Extracted data START

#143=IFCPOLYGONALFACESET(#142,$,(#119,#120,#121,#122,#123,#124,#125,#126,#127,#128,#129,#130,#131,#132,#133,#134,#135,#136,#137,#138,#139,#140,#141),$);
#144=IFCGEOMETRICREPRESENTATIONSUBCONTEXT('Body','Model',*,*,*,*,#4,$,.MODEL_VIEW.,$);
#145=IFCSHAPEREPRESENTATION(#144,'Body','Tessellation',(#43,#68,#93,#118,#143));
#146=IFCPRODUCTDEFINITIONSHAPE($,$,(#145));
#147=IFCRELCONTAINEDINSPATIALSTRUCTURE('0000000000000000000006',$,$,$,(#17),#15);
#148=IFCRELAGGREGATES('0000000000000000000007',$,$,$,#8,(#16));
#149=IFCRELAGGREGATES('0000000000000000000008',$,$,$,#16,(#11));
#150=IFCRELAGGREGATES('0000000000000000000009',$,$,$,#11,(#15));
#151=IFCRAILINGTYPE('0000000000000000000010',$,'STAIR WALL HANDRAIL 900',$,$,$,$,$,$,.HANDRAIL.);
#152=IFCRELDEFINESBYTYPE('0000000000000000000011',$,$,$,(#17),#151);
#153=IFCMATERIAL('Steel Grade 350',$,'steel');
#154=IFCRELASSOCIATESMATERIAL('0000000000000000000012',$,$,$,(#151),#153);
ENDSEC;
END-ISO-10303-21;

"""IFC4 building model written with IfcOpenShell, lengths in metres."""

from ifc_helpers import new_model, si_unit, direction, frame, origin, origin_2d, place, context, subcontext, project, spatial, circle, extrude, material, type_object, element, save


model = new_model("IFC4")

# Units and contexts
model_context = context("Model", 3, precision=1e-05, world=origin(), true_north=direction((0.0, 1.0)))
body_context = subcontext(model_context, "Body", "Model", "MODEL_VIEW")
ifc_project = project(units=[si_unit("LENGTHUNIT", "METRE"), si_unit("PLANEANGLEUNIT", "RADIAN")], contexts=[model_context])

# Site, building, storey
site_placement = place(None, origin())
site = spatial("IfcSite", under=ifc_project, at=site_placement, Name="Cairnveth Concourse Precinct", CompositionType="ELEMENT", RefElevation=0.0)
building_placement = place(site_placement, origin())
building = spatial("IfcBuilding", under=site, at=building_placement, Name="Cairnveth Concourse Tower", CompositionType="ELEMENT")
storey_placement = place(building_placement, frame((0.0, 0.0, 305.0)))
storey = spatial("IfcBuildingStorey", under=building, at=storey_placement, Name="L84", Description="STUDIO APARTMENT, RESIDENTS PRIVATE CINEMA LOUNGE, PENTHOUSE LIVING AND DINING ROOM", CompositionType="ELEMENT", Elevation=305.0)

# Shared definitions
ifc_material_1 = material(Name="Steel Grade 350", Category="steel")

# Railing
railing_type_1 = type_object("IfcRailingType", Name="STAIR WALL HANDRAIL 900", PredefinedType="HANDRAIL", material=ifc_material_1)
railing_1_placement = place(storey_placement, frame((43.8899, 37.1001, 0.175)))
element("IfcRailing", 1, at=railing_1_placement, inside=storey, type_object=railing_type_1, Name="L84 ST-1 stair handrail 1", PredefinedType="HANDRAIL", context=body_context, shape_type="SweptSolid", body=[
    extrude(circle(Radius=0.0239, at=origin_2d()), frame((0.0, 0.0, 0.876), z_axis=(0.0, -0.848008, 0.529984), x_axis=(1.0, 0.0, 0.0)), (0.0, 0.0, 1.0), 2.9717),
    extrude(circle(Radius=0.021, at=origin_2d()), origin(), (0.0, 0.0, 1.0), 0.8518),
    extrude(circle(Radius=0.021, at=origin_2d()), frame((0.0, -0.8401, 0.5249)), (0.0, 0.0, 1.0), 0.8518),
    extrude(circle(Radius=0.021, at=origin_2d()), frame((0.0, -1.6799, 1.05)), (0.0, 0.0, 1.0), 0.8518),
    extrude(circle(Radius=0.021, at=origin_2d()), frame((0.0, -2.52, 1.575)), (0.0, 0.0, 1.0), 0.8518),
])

Extracted data END

Problem to work on:
Return nothing but the lines from the top of the records above through the line that has "END-ISO-10303-21;". Keep each one exact.

Result of this exercise:
#143=IFCPOLYGONALFACESET(#142,$,(#119,#120,#121,#122,#123,#124,#125,#126,#127,#128,#129,#130,#131,#132,#133,#134,#135,#136,#137,#138,#139,#140,#141),$);
#144=IFCGEOMETRICREPRESENTATIONSUBCONTEXT('Body','Model',*,*,*,*,#4,$,.MODEL_VIEW.,$);
#145=IFCSHAPEREPRESENTATION(#144,'Body','Tessellation',(#43,#68,#93,#118,#143));
#146=IFCPRODUCTDEFINITIONSHAPE($,$,(#145));
#147=IFCRELCONTAINEDINSPATIALSTRUCTURE('0000000000000000000006',$,$,$,(#17),#15);
#148=IFCRELAGGREGATES('0000000000000000000007',$,$,$,#8,(#16));
#149=IFCRELAGGREGATES('0000000000000000000008',$,$,$,#16,(#11));
#150=IFCRELAGGREGATES('0000000000000000000009',$,$,$,#11,(#15));
#151=IFCRAILINGTYPE('0000000000000000000010',$,'STAIR WALL HANDRAIL 900',$,$,$,$,$,$,.HANDRAIL.);
#152=IFCRELDEFINESBYTYPE('0000000000000000000011',$,$,$,(#17),#151);
#153=IFCMATERIAL('Steel Grade 350',$,'steel');
#154=IFCRELASSOCIATESMATERIAL('0000000000000000000012',$,$,$,(#151),#153);
ENDSEC;
END-ISO-10303-21;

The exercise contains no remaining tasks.